══ DATA

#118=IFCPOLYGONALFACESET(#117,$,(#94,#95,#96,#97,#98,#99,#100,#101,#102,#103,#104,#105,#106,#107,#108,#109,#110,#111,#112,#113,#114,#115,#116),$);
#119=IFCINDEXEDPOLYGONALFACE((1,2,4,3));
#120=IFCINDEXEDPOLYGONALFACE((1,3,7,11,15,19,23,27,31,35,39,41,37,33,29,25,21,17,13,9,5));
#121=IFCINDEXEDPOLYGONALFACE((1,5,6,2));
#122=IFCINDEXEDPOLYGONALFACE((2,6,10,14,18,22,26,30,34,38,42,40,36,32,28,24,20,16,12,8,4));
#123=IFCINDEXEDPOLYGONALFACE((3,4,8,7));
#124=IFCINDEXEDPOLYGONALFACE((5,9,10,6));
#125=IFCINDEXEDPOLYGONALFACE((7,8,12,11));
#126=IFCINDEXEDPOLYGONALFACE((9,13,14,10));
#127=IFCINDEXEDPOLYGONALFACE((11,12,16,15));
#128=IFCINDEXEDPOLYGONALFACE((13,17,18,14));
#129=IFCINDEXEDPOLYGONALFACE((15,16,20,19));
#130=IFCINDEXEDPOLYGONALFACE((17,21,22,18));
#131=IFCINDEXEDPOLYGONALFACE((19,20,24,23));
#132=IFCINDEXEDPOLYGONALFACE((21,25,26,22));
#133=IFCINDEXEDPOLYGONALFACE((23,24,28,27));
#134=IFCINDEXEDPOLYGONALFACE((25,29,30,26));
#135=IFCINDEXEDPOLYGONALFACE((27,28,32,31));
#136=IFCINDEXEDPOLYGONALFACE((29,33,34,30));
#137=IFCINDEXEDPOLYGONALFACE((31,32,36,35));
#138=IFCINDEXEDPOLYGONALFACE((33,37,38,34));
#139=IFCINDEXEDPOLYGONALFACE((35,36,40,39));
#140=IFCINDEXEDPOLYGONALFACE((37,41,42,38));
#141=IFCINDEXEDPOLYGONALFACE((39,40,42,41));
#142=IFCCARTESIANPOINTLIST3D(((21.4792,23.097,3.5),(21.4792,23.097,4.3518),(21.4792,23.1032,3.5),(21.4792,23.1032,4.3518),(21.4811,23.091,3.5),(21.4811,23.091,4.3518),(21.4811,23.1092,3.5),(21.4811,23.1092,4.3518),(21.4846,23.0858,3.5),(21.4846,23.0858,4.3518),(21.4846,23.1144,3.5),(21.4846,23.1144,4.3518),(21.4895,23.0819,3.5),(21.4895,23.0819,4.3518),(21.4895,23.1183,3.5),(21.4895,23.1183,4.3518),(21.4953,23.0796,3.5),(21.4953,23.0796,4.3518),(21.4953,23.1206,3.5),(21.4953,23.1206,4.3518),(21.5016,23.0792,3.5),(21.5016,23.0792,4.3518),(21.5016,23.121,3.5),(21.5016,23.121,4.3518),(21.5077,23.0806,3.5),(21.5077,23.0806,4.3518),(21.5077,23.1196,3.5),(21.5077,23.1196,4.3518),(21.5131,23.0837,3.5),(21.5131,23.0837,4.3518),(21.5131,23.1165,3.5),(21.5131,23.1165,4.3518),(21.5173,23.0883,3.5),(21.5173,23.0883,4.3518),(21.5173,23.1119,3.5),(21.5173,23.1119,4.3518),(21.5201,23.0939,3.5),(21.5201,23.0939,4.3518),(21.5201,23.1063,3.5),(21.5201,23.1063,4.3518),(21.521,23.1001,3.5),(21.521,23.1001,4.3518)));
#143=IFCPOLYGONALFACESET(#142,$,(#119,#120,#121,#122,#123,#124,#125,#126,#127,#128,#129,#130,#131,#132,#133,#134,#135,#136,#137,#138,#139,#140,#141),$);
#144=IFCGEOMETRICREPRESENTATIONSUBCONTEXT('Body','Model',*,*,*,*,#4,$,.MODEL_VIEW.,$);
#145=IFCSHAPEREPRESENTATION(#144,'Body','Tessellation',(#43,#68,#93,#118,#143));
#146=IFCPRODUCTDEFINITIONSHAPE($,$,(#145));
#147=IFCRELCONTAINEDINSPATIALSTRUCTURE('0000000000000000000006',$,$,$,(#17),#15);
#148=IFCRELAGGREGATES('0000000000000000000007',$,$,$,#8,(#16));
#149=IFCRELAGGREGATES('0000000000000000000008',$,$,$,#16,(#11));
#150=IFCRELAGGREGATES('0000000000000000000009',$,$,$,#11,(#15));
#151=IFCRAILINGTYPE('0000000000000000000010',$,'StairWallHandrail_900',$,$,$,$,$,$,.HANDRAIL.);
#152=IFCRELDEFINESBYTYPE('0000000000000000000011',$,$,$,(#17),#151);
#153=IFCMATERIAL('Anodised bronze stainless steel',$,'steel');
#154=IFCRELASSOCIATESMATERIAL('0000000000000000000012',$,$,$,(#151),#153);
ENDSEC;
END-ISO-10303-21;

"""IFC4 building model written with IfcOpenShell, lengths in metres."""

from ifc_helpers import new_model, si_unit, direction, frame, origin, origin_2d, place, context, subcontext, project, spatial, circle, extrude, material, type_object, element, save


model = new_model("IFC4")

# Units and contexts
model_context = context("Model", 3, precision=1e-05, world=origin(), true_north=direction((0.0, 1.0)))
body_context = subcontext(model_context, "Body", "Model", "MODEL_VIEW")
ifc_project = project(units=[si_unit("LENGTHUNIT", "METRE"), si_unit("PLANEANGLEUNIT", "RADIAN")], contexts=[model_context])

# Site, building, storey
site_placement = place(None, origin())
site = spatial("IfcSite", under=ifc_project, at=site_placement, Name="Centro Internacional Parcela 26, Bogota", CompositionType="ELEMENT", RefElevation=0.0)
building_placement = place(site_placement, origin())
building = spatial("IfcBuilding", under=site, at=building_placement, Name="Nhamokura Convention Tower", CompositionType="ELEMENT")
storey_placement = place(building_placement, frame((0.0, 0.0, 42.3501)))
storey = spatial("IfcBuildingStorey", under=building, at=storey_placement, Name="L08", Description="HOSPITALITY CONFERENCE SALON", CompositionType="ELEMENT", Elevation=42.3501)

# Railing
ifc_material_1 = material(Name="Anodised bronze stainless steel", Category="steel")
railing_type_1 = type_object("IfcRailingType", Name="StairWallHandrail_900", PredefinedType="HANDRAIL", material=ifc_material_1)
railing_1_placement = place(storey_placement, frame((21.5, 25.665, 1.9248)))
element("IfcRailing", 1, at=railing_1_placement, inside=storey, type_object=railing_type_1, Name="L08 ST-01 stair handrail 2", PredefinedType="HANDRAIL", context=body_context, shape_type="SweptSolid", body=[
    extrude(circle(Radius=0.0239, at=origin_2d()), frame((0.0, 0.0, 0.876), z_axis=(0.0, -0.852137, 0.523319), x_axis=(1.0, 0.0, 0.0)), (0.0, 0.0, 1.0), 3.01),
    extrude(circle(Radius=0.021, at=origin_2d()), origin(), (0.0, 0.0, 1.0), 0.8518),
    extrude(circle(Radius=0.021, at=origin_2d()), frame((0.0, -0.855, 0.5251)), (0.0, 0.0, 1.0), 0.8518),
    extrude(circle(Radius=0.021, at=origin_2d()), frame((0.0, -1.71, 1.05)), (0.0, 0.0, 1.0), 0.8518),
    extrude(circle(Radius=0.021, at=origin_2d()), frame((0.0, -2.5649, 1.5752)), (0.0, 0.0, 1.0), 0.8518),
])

════
══ DATA

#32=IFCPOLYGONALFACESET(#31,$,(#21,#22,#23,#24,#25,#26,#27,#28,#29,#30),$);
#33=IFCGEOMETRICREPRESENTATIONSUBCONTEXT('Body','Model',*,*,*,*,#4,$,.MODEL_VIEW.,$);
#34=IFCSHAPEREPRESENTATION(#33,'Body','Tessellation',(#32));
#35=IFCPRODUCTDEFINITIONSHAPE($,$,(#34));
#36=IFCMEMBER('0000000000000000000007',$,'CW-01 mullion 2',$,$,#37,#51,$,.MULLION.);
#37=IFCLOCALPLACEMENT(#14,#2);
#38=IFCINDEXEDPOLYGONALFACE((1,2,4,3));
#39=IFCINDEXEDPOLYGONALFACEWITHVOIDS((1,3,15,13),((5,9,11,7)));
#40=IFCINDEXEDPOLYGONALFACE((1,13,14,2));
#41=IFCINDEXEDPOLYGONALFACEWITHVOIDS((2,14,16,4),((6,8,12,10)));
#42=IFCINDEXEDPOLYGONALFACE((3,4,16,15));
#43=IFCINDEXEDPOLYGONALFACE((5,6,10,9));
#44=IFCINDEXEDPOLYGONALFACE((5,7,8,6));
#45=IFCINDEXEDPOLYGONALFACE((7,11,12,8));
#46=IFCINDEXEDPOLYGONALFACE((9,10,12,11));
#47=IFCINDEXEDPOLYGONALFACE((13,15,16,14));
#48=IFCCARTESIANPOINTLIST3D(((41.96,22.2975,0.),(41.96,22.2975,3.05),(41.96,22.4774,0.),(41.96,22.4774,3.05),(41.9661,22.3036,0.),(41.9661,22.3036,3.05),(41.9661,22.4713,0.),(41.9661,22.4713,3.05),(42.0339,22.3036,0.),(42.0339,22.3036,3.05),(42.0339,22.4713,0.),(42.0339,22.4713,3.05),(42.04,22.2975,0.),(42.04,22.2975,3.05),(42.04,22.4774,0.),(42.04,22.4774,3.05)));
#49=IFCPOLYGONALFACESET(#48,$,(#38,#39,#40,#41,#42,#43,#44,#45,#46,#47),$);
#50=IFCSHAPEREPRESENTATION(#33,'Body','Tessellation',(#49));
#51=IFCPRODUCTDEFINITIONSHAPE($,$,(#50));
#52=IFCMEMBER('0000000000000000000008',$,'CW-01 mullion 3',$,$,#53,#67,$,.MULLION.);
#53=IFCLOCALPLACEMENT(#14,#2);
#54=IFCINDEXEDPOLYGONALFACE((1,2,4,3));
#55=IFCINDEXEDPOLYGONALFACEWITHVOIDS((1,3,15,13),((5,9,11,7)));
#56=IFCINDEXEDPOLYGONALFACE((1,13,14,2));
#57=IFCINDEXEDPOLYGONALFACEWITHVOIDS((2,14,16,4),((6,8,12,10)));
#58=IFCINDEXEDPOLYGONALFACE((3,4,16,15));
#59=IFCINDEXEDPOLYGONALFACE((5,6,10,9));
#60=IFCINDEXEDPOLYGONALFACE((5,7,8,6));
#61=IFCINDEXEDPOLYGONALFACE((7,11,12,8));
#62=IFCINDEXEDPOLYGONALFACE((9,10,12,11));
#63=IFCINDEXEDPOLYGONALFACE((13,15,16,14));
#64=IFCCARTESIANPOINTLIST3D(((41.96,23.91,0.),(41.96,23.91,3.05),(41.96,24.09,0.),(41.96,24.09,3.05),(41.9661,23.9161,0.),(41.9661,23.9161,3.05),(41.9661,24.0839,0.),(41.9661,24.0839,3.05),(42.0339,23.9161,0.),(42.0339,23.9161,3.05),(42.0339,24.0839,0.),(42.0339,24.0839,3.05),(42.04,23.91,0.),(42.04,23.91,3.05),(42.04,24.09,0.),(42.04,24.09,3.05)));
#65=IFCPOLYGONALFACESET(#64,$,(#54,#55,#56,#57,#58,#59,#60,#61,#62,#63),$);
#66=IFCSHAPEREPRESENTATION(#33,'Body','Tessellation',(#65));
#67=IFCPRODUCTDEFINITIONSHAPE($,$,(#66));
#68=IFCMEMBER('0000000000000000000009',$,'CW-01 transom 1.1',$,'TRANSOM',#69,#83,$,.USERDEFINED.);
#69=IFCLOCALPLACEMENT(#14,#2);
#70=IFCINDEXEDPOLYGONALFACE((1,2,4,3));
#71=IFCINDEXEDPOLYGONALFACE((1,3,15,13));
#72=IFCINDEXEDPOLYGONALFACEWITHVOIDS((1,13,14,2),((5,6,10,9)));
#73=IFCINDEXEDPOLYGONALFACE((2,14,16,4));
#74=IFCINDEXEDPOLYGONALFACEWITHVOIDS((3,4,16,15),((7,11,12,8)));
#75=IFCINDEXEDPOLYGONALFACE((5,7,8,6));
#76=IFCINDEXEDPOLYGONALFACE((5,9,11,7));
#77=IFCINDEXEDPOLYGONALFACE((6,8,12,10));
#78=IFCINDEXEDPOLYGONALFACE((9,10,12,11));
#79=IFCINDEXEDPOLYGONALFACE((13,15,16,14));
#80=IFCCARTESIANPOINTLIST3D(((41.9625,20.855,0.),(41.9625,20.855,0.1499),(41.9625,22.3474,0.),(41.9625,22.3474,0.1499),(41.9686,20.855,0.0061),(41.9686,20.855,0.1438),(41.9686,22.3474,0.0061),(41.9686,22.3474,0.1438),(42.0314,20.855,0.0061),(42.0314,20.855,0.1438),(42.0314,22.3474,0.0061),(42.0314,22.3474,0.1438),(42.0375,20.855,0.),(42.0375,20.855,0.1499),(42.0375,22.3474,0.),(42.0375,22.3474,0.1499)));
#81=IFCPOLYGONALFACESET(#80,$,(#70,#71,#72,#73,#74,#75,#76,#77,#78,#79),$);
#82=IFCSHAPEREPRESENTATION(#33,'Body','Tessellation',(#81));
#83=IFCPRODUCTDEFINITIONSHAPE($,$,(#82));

════

# WHAT YOU ARE ASKED TO DO
Retype, exactly and in full, the lines above from the one containing "#125=IFCINDEXEDPOLYGONALFACE((7,8,12,11));" through the one containing "#141=IFCINDEXEDPOLYGONALFACE((39,40,42,41));".

# TASK ANSWER
#125=IFCINDEXEDPOLYGONALFACE((7,8,12,11));
#126=IFCINDEXEDPOLYGONALFACE((9,13,14,10));
#127=IFCINDEXEDPOLYGONALFACE((11,12,16,15));
#128=IFCINDEXEDPOLYGONALFACE((13,17,18,14));
#129=IFCINDEXEDPOLYGONALFACE((15,16,20,19));
#130=IFCINDEXEDPOLYGONALFACE((17,21,22,18));
#131=IFCINDEXEDPOLYGONALFACE((19,20,24,23));
#132=IFCINDEXEDPOLYGONALFACE((21,25,26,22));
#133=IFCINDEXEDPOLYGONALFACE((23,24,28,27));
#134=IFCINDEXEDPOLYGONALFACE((25,29,30,26));
#135=IFCINDEXEDPOLYGONALFACE((27,28,32,31));
#136=IFCINDEXEDPOLYGONALFACE((29,33,34,30));
#137=IFCINDEXEDPOLYGONALFACE((31,32,36,35));
#138=IFCINDEXEDPOLYGONALFACE((33,37,38,34));
#139=IFCINDEXEDPOLYGONALFACE((35,36,40,39));
#140=IFCINDEXEDPOLYGONALFACE((37,41,42,38));
#141=IFCINDEXEDPOLYGONALFACE((39,40,42,41));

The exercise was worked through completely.